Work to be completed »
Please give back, word for word, only the lines starting at the one containing "#164=IFCINDEXEDPOLYGONALFACE((35,36,40,39));" and ending at the one containing "#166=IFCINDEXEDPOLYGONALFACE((39,40,42,41));" within the material below.

▬▬▬▬▬▬

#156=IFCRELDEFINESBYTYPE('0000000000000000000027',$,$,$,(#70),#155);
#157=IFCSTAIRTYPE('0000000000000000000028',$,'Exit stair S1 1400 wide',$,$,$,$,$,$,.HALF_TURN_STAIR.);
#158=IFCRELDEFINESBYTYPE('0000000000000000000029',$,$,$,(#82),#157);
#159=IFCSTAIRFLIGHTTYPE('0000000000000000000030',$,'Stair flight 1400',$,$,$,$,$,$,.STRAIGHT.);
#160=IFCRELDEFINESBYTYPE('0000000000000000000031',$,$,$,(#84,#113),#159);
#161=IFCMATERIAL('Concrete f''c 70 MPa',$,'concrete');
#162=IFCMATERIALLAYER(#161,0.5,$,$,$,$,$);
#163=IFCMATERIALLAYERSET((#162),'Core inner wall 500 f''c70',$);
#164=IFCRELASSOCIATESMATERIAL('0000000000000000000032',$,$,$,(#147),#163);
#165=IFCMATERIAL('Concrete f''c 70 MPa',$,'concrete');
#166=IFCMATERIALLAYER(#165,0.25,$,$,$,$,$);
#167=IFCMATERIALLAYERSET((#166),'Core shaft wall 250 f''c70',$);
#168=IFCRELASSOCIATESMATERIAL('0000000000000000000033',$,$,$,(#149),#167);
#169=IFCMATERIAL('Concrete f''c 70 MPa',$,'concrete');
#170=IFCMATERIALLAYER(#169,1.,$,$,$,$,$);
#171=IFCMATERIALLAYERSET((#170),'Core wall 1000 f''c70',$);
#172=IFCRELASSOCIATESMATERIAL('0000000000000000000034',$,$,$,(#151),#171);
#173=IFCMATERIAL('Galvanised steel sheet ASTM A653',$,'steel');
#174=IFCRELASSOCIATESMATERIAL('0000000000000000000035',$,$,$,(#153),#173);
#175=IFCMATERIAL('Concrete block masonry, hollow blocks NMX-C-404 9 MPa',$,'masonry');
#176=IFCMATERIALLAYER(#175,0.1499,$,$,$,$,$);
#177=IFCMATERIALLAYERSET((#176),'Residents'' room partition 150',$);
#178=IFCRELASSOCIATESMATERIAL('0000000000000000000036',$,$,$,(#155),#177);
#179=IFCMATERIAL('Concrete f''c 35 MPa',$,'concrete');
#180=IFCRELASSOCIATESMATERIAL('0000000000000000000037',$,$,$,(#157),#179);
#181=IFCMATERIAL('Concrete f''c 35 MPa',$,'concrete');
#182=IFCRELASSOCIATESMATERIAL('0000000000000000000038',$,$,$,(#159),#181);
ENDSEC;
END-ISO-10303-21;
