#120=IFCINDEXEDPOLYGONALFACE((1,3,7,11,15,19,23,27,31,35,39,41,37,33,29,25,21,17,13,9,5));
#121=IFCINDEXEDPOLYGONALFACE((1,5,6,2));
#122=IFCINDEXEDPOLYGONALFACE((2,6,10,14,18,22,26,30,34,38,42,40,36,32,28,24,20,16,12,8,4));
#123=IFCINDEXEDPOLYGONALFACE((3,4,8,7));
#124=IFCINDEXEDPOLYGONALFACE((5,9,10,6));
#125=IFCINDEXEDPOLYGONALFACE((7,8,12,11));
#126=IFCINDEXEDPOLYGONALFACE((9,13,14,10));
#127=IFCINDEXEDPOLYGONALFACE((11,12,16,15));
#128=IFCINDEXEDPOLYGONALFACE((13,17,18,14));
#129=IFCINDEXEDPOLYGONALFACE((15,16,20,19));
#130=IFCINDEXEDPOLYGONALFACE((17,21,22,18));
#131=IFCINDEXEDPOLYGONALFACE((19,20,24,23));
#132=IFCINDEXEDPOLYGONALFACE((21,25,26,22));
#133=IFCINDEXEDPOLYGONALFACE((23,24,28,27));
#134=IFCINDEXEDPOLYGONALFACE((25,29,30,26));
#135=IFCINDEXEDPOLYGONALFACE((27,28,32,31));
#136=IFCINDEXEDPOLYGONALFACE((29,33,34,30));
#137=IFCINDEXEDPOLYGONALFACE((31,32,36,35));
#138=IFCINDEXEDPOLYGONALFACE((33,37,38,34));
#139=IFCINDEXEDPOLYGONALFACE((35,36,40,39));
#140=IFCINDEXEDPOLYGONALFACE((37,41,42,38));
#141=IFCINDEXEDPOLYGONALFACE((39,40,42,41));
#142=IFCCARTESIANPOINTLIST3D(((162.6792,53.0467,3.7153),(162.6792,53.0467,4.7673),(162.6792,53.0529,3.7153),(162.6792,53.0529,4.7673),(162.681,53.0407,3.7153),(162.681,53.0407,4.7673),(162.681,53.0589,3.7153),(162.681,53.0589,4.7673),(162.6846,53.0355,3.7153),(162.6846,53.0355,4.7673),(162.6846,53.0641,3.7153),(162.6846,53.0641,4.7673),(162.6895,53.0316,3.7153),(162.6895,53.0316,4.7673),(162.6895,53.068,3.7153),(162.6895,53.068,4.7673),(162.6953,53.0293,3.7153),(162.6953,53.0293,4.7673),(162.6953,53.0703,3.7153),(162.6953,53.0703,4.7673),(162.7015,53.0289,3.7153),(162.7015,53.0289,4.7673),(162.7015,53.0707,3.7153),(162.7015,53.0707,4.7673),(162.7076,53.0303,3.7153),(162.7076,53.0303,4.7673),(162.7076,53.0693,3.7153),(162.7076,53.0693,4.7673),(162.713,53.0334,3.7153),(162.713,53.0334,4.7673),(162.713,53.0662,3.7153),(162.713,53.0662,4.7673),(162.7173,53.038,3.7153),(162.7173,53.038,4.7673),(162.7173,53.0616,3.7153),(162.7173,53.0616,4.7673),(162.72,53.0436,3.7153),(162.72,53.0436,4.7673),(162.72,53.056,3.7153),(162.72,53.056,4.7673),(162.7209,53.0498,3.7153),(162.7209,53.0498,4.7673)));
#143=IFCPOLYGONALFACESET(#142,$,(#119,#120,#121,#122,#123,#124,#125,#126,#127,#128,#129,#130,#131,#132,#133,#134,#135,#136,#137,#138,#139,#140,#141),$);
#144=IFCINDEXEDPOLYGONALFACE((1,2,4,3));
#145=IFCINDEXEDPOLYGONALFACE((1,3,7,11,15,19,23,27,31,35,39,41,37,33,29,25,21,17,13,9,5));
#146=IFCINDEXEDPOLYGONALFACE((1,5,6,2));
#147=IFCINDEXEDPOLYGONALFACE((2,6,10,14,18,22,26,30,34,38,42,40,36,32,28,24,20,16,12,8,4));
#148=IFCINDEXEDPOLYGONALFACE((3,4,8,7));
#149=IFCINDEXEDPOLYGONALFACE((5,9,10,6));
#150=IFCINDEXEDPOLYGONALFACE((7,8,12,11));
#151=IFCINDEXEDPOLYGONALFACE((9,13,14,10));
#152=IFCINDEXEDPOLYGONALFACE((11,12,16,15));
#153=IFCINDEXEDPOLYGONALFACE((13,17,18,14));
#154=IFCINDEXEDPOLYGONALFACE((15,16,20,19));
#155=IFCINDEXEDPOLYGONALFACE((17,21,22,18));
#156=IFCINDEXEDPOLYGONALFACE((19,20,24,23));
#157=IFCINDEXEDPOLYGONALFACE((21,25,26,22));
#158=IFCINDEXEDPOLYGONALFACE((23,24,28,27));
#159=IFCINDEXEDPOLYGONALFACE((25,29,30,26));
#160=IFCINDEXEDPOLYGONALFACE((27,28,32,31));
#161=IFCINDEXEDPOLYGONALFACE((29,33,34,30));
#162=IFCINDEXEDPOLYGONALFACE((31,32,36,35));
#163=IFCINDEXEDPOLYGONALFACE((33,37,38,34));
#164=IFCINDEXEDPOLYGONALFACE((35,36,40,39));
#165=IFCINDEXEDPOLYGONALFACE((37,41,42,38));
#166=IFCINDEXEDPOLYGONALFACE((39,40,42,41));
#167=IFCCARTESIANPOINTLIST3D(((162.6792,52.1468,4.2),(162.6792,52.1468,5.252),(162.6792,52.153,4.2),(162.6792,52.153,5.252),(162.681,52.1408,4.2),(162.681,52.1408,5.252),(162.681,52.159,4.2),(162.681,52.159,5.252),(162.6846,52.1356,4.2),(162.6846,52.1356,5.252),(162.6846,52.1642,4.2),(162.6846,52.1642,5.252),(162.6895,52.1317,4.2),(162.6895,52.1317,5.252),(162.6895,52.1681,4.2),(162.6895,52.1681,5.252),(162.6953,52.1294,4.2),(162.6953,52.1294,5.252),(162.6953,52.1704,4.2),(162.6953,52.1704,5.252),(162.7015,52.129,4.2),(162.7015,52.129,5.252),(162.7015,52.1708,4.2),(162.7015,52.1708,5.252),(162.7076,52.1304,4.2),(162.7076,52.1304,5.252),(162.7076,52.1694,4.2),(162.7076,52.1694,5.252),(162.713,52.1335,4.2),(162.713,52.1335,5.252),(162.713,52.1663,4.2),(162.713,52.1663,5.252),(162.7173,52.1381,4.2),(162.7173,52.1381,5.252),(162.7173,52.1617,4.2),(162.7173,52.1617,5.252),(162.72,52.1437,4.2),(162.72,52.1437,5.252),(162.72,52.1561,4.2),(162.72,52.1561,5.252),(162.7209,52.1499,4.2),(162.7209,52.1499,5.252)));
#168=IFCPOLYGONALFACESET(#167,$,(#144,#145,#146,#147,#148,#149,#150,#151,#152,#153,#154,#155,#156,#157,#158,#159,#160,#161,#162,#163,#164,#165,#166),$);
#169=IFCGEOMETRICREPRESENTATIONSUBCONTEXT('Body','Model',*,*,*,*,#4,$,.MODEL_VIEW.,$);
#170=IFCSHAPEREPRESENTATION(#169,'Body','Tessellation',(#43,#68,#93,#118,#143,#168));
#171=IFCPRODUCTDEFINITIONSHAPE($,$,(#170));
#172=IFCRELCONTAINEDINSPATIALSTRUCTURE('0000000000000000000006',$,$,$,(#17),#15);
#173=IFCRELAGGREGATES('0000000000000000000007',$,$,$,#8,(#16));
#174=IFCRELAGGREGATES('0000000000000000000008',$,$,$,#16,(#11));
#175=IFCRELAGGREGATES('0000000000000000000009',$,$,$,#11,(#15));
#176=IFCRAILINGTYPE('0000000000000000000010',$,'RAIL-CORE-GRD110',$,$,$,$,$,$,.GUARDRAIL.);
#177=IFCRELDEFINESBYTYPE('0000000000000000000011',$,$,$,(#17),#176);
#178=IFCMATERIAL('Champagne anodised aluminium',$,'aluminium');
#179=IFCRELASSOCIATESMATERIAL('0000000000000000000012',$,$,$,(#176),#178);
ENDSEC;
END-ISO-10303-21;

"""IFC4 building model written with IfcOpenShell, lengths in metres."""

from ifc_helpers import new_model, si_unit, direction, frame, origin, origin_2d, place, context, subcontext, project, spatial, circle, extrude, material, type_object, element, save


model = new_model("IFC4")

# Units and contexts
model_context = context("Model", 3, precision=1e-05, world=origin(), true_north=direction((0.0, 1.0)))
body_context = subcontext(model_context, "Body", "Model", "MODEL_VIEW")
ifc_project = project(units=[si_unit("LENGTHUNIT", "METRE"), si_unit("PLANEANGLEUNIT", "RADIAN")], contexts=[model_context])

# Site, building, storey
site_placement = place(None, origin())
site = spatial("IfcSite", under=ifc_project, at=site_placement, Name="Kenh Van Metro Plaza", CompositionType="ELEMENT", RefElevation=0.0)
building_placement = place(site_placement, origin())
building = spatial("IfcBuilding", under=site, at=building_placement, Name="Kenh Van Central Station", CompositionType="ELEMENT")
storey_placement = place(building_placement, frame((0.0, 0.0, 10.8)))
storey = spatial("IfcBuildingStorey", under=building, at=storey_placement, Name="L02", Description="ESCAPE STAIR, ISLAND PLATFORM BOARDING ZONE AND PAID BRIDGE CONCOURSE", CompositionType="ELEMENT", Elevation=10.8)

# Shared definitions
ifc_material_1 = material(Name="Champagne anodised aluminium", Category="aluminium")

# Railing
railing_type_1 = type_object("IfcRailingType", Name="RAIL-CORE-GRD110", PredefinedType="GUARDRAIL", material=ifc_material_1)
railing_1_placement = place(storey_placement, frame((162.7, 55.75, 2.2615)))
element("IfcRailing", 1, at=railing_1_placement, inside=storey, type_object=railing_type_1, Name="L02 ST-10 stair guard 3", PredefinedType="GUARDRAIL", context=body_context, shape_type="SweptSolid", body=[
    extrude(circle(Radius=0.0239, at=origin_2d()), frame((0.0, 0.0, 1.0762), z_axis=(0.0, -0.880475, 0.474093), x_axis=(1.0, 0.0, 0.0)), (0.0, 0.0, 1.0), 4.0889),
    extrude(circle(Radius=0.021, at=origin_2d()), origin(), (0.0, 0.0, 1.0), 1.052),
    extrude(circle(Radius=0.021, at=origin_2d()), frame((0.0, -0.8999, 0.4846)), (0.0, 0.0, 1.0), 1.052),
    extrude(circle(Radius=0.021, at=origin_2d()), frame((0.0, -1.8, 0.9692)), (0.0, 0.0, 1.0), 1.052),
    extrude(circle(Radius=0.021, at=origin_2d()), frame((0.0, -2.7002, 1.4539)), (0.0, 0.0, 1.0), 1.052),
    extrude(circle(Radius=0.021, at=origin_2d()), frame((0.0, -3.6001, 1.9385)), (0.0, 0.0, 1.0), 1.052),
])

▬▬▬▬▬▬

Solution to this problem »
#164=IFCINDEXEDPOLYGONALFACE((35,36,40,39));
#165=IFCINDEXEDPOLYGONALFACE((37,41,42,38));
#166=IFCINDEXEDPOLYGONALFACE((39,40,42,41));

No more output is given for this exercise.